Write out the listing below exactly, beginning at its first line and ending with the line that contains "#189=IFCRELAGGREGATES('0000000000000000000019',$,$,$,#11,(#13));".

Recorded data:
================
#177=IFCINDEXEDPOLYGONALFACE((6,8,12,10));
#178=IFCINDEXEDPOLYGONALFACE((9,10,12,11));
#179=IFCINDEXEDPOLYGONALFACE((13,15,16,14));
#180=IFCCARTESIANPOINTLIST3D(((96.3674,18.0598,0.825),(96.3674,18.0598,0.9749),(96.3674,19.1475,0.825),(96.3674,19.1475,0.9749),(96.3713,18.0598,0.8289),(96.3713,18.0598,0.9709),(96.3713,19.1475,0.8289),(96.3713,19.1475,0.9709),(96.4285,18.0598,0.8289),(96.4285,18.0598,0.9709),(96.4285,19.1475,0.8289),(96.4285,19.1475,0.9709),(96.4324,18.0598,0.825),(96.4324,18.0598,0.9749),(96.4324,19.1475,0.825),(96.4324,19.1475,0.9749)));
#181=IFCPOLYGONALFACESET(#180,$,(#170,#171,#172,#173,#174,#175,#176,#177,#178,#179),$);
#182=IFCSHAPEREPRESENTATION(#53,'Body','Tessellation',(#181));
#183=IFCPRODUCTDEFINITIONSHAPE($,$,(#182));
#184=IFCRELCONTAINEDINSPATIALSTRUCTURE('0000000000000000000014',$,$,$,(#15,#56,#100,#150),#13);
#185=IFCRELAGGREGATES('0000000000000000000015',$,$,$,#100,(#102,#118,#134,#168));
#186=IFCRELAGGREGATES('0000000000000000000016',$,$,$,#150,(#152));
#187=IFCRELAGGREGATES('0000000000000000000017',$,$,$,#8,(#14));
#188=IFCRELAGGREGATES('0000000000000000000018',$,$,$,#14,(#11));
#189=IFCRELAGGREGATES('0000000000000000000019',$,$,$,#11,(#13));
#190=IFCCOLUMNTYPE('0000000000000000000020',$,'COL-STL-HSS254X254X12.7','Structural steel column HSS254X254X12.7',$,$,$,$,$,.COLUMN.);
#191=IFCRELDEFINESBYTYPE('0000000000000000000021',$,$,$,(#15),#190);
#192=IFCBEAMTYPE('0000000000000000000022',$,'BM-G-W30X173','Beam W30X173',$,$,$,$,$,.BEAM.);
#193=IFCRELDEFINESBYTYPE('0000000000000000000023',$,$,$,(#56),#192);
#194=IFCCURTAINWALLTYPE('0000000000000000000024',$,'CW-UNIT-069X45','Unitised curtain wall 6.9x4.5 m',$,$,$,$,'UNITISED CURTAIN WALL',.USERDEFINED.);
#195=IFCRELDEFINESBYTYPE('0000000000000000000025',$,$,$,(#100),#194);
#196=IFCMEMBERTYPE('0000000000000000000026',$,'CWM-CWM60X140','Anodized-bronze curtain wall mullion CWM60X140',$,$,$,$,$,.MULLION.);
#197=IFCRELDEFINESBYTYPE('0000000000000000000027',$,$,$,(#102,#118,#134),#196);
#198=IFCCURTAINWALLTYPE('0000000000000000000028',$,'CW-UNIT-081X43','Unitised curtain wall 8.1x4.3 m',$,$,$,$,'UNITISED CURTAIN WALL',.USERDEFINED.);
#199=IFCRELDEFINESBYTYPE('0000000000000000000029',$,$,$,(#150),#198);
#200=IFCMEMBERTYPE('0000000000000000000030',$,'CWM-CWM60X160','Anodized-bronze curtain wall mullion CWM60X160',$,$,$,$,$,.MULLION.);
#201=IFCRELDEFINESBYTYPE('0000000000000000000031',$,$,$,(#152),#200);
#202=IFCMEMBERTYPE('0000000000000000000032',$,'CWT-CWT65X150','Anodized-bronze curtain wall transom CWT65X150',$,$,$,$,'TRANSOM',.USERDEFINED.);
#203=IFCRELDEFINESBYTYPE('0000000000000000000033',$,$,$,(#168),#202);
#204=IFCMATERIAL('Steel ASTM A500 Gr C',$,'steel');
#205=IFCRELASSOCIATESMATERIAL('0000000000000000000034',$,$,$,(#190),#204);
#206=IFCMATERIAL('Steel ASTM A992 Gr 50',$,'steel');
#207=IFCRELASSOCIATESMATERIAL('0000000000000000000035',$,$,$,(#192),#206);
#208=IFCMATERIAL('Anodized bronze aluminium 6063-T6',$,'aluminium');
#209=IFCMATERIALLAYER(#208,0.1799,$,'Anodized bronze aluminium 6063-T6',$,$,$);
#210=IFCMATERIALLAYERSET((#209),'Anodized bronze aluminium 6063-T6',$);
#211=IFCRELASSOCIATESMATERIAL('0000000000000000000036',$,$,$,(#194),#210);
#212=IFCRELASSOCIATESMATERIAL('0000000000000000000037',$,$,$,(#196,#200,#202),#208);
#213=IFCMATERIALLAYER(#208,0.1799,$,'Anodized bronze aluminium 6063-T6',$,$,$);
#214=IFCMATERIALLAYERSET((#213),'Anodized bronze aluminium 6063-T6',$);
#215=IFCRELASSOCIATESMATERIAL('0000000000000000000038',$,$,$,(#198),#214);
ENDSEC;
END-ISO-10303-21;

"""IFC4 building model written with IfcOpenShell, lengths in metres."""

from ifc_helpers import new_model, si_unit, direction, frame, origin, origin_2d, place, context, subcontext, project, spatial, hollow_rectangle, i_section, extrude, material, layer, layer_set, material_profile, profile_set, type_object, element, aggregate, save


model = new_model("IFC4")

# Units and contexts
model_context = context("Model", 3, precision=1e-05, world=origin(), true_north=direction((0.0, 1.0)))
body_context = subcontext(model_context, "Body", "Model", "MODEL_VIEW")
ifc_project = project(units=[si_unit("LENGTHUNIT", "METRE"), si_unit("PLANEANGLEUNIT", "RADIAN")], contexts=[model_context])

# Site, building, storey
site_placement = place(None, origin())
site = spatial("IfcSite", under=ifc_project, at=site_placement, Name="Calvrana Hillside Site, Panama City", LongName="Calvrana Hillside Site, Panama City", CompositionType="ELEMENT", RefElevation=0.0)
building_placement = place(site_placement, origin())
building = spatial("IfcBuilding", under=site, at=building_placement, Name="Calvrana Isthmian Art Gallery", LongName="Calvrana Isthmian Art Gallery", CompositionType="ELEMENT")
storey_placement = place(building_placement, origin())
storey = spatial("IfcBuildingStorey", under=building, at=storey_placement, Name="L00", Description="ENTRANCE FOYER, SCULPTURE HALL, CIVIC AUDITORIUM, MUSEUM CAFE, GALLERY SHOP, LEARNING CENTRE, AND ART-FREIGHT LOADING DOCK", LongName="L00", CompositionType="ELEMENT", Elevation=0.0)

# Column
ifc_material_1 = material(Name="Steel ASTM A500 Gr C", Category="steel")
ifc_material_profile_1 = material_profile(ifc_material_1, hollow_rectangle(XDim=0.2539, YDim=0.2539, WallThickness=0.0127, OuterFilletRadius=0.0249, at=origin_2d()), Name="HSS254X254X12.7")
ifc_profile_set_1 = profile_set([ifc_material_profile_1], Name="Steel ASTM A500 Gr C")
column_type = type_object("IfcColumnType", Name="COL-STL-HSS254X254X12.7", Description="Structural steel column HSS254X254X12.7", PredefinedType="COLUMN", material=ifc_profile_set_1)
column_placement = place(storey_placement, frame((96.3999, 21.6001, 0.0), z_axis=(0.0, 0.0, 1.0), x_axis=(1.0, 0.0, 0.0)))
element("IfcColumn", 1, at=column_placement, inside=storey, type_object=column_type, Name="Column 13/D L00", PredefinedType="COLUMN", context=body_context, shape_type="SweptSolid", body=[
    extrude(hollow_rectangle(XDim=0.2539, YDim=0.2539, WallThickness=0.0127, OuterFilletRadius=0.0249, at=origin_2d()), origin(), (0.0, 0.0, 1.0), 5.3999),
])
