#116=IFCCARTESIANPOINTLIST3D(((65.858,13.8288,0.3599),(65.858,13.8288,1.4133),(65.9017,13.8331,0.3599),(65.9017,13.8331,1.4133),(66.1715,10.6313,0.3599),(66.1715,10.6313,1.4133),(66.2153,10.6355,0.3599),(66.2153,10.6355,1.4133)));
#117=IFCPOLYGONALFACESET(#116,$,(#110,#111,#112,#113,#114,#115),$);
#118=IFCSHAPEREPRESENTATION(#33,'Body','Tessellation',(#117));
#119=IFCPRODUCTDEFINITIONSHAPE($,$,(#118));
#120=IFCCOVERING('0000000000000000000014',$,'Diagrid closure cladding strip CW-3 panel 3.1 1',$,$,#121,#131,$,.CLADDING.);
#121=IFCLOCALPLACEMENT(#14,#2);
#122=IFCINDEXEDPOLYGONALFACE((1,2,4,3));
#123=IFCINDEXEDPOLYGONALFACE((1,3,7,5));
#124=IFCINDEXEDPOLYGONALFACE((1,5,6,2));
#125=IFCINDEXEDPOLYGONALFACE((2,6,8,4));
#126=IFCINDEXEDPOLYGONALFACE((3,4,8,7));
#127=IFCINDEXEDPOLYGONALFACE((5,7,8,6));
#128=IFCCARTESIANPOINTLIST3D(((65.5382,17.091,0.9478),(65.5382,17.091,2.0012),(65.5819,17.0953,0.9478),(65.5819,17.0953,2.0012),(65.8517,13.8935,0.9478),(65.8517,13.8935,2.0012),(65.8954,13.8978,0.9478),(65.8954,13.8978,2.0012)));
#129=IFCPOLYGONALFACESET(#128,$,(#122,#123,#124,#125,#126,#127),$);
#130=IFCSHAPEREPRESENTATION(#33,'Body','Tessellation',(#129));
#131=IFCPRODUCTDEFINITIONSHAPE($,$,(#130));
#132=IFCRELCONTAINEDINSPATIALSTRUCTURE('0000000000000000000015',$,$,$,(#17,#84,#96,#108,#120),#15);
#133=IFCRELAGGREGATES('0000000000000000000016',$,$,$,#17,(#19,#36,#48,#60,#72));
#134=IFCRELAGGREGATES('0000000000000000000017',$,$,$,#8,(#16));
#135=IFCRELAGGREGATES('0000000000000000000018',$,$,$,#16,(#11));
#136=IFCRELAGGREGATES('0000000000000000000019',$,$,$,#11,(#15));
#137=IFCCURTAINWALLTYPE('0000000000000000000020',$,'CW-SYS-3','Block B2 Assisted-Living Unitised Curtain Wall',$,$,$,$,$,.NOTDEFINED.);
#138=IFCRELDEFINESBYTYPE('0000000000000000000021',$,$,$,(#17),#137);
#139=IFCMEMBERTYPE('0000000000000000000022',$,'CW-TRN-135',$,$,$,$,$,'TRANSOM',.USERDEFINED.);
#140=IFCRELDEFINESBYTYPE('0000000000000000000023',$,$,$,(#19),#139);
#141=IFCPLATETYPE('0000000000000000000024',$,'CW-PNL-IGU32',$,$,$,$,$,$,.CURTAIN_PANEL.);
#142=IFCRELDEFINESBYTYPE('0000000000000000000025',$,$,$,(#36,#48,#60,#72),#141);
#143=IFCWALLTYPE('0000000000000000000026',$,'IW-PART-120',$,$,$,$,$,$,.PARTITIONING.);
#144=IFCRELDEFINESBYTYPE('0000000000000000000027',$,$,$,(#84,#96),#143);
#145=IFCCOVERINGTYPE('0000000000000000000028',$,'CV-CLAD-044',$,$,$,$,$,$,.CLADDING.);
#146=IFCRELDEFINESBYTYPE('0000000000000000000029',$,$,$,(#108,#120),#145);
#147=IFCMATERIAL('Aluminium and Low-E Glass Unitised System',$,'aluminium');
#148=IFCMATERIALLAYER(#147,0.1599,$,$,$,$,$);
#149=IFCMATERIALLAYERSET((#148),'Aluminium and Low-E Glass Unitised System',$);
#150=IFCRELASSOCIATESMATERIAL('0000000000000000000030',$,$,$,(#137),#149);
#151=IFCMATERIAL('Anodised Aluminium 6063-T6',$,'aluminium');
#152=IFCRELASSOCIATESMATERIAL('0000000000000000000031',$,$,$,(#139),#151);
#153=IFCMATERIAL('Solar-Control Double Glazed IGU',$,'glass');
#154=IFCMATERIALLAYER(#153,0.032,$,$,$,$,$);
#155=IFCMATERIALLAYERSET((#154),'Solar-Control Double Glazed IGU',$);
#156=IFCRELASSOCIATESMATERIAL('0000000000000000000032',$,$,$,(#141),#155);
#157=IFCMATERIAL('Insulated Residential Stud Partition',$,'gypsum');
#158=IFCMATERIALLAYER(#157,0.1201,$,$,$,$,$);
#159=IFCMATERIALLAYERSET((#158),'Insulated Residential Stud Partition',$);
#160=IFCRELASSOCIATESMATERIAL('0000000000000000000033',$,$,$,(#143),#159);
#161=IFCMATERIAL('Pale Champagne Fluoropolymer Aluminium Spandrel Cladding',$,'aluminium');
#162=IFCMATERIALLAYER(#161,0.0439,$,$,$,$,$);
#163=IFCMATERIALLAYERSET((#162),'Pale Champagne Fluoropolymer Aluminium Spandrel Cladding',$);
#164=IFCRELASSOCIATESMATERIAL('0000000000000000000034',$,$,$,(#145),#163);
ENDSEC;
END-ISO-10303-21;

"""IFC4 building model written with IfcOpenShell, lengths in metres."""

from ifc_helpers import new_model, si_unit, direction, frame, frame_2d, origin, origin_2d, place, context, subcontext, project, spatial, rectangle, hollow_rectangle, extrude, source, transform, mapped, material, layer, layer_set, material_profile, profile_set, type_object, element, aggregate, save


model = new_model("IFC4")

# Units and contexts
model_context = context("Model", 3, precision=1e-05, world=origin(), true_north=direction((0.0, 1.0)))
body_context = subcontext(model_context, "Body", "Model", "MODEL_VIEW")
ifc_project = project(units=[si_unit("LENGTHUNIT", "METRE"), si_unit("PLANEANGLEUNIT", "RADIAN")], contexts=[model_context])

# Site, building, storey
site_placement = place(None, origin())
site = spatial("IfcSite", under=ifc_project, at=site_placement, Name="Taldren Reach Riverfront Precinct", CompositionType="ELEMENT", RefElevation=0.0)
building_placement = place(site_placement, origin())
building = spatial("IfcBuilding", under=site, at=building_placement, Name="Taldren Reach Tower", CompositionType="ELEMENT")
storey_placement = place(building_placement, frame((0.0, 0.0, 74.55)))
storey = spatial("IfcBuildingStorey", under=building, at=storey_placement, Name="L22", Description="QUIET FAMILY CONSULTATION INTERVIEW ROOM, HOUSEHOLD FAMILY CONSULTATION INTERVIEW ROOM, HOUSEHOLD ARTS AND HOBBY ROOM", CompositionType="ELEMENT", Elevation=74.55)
================
Response below:
#177=IFCINDEXEDPOLYGONALFACE((6,8,12,10));
#178=IFCINDEXEDPOLYGONALFACE((9,10,12,11));
#179=IFCINDEXEDPOLYGONALFACE((13,15,16,14));
#180=IFCCARTESIANPOINTLIST3D(((96.3674,18.0598,0.825),(96.3674,18.0598,0.9749),(96.3674,19.1475,0.825),(96.3674,19.1475,0.9749),(96.3713,18.0598,0.8289),(96.3713,18.0598,0.9709),(96.3713,19.1475,0.8289),(96.3713,19.1475,0.9709),(96.4285,18.0598,0.8289),(96.4285,18.0598,0.9709),(96.4285,19.1475,0.8289),(96.4285,19.1475,0.9709),(96.4324,18.0598,0.825),(96.4324,18.0598,0.9749),(96.4324,19.1475,0.825),(96.4324,19.1475,0.9749)));
#181=IFCPOLYGONALFACESET(#180,$,(#170,#171,#172,#173,#174,#175,#176,#177,#178,#179),$);
#182=IFCSHAPEREPRESENTATION(#53,'Body','Tessellation',(#181));
#183=IFCPRODUCTDEFINITIONSHAPE($,$,(#182));
#184=IFCRELCONTAINEDINSPATIALSTRUCTURE('0000000000000000000014',$,$,$,(#15,#56,#100,#150),#13);
#185=IFCRELAGGREGATES('0000000000000000000015',$,$,$,#100,(#102,#118,#134,#168));
#186=IFCRELAGGREGATES('0000000000000000000016',$,$,$,#150,(#152));
#187=IFCRELAGGREGATES('0000000000000000000017',$,$,$,#8,(#14));
#188=IFCRELAGGREGATES('0000000000000000000018',$,$,$,#14,(#11));
#189=IFCRELAGGREGATES('0000000000000000000019',$,$,$,#11,(#13));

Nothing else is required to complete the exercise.